Dataset entries Block Start

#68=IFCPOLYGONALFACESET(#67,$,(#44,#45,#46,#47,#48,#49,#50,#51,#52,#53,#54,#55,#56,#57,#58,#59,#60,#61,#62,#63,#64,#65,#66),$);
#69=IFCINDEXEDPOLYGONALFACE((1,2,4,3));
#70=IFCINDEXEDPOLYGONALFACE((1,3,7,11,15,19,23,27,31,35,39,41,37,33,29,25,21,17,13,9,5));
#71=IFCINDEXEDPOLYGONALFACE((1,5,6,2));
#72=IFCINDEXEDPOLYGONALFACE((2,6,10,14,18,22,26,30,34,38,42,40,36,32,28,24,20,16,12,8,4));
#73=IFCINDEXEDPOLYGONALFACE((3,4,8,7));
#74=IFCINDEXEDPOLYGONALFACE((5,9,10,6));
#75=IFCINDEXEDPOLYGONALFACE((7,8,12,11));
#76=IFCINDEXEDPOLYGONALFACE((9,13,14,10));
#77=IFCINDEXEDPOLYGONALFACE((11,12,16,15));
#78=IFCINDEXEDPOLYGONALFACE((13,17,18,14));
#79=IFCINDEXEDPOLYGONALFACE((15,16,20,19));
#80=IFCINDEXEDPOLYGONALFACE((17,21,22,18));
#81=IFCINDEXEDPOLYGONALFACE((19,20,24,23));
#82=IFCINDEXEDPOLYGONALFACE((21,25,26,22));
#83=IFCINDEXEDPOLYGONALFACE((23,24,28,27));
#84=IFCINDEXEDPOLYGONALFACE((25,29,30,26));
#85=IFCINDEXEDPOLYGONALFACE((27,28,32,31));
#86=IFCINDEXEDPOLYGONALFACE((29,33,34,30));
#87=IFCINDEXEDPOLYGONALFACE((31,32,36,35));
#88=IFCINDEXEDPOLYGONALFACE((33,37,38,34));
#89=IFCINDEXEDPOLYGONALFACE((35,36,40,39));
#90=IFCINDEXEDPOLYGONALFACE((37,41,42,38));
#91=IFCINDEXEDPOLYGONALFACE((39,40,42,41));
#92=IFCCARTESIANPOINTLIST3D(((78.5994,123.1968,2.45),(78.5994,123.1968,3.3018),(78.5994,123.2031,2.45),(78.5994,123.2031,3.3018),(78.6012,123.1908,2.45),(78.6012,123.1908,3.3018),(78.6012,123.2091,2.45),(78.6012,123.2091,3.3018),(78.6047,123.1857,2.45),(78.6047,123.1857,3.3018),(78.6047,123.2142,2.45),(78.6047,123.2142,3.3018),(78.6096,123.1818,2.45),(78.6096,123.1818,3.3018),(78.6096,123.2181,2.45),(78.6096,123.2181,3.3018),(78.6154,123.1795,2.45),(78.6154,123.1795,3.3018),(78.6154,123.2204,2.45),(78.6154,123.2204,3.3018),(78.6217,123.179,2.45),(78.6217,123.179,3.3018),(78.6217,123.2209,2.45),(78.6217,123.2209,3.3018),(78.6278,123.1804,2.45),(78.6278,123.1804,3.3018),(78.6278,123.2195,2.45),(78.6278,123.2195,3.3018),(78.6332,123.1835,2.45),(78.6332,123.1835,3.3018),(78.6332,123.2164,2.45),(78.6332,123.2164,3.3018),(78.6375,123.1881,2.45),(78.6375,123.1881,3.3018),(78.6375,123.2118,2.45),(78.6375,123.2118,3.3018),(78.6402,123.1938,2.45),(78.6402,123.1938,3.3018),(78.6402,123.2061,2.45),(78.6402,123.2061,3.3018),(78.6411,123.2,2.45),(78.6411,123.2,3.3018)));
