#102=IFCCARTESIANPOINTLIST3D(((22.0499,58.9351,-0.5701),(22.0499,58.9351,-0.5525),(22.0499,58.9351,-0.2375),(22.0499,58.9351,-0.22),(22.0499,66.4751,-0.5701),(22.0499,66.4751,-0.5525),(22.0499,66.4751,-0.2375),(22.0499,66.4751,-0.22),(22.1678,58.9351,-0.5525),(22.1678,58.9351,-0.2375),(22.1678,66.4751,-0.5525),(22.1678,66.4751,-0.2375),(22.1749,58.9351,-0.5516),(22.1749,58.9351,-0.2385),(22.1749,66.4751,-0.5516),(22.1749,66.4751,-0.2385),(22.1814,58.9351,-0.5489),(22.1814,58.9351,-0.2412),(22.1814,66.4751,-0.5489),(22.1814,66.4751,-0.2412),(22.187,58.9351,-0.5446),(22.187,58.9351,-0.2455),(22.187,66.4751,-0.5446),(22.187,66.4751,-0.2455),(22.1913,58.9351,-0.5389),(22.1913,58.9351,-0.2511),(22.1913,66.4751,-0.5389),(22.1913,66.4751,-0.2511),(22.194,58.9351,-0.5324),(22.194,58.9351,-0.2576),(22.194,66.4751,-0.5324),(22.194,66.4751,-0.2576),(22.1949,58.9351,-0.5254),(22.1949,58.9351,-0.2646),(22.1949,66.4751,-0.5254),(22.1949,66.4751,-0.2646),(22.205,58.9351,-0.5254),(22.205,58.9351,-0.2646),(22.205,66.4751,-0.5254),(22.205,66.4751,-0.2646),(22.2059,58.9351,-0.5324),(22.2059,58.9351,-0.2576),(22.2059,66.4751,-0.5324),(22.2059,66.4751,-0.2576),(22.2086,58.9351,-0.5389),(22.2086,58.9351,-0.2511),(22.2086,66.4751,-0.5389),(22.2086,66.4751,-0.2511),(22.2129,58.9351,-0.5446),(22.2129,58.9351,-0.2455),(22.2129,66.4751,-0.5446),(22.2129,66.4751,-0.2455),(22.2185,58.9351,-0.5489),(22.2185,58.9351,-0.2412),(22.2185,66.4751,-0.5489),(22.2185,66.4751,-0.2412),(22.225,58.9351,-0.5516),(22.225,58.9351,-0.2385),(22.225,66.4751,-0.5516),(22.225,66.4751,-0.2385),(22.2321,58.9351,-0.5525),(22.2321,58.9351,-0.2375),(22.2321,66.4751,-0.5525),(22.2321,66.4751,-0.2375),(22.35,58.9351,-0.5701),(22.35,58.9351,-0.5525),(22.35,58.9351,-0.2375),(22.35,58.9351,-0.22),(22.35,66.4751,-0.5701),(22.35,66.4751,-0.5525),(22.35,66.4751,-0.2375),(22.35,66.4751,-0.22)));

Dataset entries Block End

Look above for the line containing "#76=IFCINDEXEDPOLYGONALFACE((9,13,14,10));". Output from there through the line containing "#87=IFCINDEXEDPOLYGONALFACE((31,32,36,35));", exactly and inclusively.

#76=IFCINDEXEDPOLYGONALFACE((9,13,14,10));
#77=IFCINDEXEDPOLYGONALFACE((11,12,16,15));
#78=IFCINDEXEDPOLYGONALFACE((13,17,18,14));
#79=IFCINDEXEDPOLYGONALFACE((15,16,20,19));
#80=IFCINDEXEDPOLYGONALFACE((17,21,22,18));
#81=IFCINDEXEDPOLYGONALFACE((19,20,24,23));
#82=IFCINDEXEDPOLYGONALFACE((21,25,26,22));
#83=IFCINDEXEDPOLYGONALFACE((23,24,28,27));
#84=IFCINDEXEDPOLYGONALFACE((25,29,30,26));
#85=IFCINDEXEDPOLYGONALFACE((27,28,32,31));
#86=IFCINDEXEDPOLYGONALFACE((29,33,34,30));
#87=IFCINDEXEDPOLYGONALFACE((31,32,36,35));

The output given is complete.